Top of Available data

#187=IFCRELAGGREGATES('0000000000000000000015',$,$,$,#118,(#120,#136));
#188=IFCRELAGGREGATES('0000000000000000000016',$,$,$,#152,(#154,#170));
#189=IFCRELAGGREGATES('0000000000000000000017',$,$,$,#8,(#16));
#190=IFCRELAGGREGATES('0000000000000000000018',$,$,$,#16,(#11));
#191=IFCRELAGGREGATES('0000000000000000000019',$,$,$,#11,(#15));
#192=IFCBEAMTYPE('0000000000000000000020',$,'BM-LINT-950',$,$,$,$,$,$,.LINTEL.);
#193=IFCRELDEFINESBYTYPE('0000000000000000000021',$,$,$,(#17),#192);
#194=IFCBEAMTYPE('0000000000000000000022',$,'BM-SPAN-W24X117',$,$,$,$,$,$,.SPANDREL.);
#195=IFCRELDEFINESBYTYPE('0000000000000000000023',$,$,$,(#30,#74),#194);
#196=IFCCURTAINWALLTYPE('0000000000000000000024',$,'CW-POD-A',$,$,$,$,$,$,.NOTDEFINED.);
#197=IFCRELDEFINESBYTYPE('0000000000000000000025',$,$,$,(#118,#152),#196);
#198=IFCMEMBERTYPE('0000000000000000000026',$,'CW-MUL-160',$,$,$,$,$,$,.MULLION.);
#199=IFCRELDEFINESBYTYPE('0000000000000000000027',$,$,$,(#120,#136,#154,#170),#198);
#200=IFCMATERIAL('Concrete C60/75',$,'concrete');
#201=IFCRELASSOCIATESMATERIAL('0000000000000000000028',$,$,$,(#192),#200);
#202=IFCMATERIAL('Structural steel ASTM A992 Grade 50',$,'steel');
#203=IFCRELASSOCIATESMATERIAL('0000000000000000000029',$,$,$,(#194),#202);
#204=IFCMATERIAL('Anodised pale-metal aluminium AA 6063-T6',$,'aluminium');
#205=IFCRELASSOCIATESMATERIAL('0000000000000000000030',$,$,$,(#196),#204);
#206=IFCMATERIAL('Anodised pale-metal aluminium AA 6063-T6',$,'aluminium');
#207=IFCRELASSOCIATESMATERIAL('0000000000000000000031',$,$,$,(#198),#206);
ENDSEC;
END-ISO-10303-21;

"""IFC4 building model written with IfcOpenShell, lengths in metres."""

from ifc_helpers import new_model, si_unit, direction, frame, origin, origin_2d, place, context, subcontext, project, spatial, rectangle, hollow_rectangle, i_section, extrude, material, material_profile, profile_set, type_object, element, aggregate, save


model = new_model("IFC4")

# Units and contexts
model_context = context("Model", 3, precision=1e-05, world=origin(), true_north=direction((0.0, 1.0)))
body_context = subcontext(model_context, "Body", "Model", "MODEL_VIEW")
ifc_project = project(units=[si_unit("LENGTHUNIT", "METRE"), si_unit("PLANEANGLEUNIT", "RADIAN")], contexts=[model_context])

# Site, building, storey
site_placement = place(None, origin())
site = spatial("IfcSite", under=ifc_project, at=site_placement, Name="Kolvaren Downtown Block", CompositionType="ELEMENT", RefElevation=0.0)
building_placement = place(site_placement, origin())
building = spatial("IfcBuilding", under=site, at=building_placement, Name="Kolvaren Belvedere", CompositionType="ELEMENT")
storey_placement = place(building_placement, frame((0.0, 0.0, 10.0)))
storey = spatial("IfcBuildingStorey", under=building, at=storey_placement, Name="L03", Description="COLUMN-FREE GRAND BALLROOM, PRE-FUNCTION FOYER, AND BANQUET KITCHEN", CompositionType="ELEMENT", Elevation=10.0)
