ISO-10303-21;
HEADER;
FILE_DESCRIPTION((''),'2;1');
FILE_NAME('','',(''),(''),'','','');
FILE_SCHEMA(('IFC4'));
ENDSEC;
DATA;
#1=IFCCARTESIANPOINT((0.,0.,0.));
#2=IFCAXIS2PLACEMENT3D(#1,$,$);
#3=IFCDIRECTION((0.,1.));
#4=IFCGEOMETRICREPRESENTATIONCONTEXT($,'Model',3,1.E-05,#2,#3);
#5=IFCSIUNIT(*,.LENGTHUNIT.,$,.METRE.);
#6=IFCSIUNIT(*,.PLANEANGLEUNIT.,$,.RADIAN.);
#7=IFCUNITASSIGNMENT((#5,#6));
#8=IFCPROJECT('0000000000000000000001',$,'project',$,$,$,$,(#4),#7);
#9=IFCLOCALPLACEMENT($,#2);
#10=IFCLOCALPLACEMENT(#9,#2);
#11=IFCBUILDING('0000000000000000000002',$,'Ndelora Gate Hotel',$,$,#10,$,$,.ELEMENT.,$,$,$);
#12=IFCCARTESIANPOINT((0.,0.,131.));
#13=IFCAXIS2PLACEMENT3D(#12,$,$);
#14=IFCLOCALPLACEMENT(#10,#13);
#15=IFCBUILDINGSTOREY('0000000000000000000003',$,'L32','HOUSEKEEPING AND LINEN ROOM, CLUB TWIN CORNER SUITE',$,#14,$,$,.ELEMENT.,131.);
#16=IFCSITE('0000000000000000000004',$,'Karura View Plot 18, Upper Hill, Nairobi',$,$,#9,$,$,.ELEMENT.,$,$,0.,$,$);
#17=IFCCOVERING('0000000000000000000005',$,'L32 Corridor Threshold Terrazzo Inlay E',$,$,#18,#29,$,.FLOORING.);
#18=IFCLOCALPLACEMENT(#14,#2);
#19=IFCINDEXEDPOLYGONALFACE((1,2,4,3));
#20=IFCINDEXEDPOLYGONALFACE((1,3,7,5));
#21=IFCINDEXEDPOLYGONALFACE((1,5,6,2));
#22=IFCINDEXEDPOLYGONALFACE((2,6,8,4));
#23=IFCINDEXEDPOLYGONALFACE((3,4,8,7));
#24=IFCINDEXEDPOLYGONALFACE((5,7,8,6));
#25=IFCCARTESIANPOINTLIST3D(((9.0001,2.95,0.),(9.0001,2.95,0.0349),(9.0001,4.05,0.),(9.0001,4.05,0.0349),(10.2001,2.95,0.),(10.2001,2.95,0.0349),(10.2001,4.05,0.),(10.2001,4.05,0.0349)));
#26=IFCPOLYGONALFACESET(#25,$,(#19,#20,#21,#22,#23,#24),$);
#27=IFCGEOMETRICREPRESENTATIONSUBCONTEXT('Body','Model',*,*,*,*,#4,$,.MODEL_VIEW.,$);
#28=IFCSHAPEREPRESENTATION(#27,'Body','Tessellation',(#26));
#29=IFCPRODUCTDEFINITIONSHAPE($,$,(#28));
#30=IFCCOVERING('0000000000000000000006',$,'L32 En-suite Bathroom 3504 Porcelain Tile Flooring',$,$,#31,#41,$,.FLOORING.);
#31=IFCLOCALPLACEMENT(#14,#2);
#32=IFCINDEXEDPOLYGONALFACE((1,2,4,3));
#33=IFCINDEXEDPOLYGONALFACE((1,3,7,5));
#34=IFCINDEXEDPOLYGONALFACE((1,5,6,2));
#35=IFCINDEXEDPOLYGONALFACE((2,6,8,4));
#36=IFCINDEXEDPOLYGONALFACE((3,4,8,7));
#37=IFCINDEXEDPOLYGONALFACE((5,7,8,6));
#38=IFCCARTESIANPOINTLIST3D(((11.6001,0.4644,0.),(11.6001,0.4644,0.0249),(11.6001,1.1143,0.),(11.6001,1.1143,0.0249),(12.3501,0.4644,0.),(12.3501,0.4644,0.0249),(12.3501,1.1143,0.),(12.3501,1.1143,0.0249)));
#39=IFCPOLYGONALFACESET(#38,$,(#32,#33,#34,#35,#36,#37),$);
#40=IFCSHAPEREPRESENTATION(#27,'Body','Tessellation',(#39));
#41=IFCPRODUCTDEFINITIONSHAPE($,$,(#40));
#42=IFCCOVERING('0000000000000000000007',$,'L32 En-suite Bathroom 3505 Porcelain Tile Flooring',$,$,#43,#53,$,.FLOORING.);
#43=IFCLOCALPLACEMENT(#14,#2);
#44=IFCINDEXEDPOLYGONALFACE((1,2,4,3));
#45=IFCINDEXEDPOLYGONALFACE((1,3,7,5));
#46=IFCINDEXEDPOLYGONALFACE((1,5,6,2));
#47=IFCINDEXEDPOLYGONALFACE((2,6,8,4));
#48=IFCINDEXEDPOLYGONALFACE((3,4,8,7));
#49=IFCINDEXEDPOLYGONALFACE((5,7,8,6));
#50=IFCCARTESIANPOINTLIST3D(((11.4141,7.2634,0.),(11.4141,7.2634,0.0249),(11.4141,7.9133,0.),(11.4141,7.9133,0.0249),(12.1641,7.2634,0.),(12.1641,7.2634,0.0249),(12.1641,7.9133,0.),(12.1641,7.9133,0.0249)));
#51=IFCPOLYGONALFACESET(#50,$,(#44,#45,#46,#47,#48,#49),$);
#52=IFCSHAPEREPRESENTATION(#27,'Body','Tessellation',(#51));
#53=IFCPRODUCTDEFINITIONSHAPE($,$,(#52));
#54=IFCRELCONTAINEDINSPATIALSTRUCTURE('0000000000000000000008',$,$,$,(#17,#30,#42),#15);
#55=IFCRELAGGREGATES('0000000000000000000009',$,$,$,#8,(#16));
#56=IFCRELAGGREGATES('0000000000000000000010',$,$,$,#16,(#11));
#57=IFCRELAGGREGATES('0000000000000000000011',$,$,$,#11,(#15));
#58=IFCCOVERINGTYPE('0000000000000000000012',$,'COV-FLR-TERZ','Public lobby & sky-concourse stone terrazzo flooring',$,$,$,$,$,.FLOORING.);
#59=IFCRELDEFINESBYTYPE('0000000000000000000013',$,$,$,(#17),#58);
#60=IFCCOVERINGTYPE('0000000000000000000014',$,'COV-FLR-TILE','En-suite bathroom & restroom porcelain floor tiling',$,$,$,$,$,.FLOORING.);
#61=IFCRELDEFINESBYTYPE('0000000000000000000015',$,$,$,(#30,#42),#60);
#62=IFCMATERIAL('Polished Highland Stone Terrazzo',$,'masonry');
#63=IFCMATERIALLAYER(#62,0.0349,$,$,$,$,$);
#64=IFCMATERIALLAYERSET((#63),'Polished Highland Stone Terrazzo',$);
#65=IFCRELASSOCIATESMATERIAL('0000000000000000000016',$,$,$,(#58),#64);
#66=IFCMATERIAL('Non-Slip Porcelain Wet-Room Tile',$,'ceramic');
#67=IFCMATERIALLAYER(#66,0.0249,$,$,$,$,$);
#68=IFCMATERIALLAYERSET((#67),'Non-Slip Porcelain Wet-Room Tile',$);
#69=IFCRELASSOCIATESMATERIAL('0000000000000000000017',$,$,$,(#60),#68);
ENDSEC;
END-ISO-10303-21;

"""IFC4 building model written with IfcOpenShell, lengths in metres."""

from ifc_helpers import new_model, si_unit, direction, frame, origin, origin_2d, place, context, subcontext, project, spatial, rectangle, extrude, material, layer, layer_set, type_object, element, save


model = new_model("IFC4")

# Units and contexts
model_context = context("Model", 3, precision=1e-05, world=origin(), true_north=direction((0.0, 1.0)))
body_context = subcontext(model_context, "Body", "Model", "MODEL_VIEW")
ifc_project = project(units=[si_unit("LENGTHUNIT", "METRE"), si_unit("PLANEANGLEUNIT", "RADIAN")], contexts=[model_context])

# Site, building, storey
site_placement = place(None, origin())
site = spatial("IfcSite", under=ifc_project, at=site_placement, Name="Karura View Plot 18, Upper Hill, Nairobi", CompositionType="ELEMENT", RefElevation=0.0)
building_placement = place(site_placement, origin())
building = spatial("IfcBuilding", under=site, at=building_placement, Name="Ndelora Gate Hotel", CompositionType="ELEMENT")
storey_placement = place(building_placement, frame((0.0, 0.0, 131.0)))
storey = spatial("IfcBuildingStorey", under=building, at=storey_placement, Name="L32", Description="HOUSEKEEPING AND LINEN ROOM, CLUB TWIN CORNER SUITE", CompositionType="ELEMENT", Elevation=131.0)

# Coverings
ifc_material_1 = material(Name="Polished Highland Stone Terrazzo", Category="masonry")
ifc_layer_1 = layer(ifc_material_1, 0.0349)
ifc_layer_set_1 = layer_set([ifc_layer_1], Name="Polished Highland Stone Terrazzo")
covering_type_1 = type_object("IfcCoveringType", Name="COV-FLR-TERZ", Description="Public lobby & sky-concourse stone terrazzo flooring", PredefinedType="FLOORING", material=ifc_layer_set_1)
covering_1_placement = place(storey_placement, frame((9.6001, 3.5, 0.0), z_axis=(0.0, 0.0, 1.0), x_axis=(1.0, 0.0, 0.0)))
element("IfcCovering", 1, at=covering_1_placement, inside=storey, type_object=covering_type_1, Name="L32 Corridor Threshold Terrazzo Inlay E", PredefinedType="FLOORING", context=body_context, shape_type="SweptSolid", body=[
    extrude(rectangle(XDim=1.2, YDim=1.1001, at=origin_2d()), origin(), (0.0, 0.0, 1.0), 0.0349),
])
ifc_material_2 = material(Name="Non-Slip Porcelain Wet-Room Tile", Category="ceramic")
ifc_layer_2 = layer(ifc_material_2, 0.0249)
ifc_layer_set_2 = layer_set([ifc_layer_2], Name="Non-Slip Porcelain Wet-Room Tile")
covering_type_2 = type_object("IfcCoveringType", Name="COV-FLR-TILE", Description="En-suite bathroom & restroom porcelain floor tiling", PredefinedType="FLOORING", material=ifc_layer_set_2)
for number, where, z_axis, x_axis, name in (
    (2, (11.9751, 0.7893, 0.0), (0.0, 0.0, 1.0), (1.0, 0.0, 0.0), "L32 En-suite Bathroom 3504 Porcelain Tile Flooring"),
    (3, (11.7891, 7.5884, 0.0), (0.0, 0.0, 1.0), (1.0, 0.0, 0.0), "L32 En-suite Bathroom 3505 Porcelain Tile Flooring"),
):
    element("IfcCovering", number, at=place(storey_placement, frame(where, z_axis=z_axis, x_axis=x_axis)), inside=storey, type_object=covering_type_2, Name=name, PredefinedType="FLOORING", context=body_context, shape_type="SweptSolid", body=[
        extrude(rectangle(XDim=0.75, YDim=0.6499, at=origin_2d()), origin(), (0.0, 0.0, 1.0), 0.0249),
    ])

save(model, "model.ifc")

Bottom of Available data

- **Exercise description**: List every line in the records above that contains the word "IFCRELASSOCIATESMATERIAL".

- **Written solution**:
#201=IFCRELASSOCIATESMATERIAL('0000000000000000000028',$,$,$,(#192),#200);
#203=IFCRELASSOCIATESMATERIAL('0000000000000000000029',$,$,$,(#194),#202);
#205=IFCRELASSOCIATESMATERIAL('0000000000000000000030',$,$,$,(#196),#204);
#207=IFCRELASSOCIATESMATERIAL('0000000000000000000031',$,$,$,(#198),#206);
#65=IFCRELASSOCIATESMATERIAL('0000000000000000000016',$,$,$,(#58),#64);
#69=IFCRELASSOCIATESMATERIAL('0000000000000000000017',$,$,$,(#60),#68);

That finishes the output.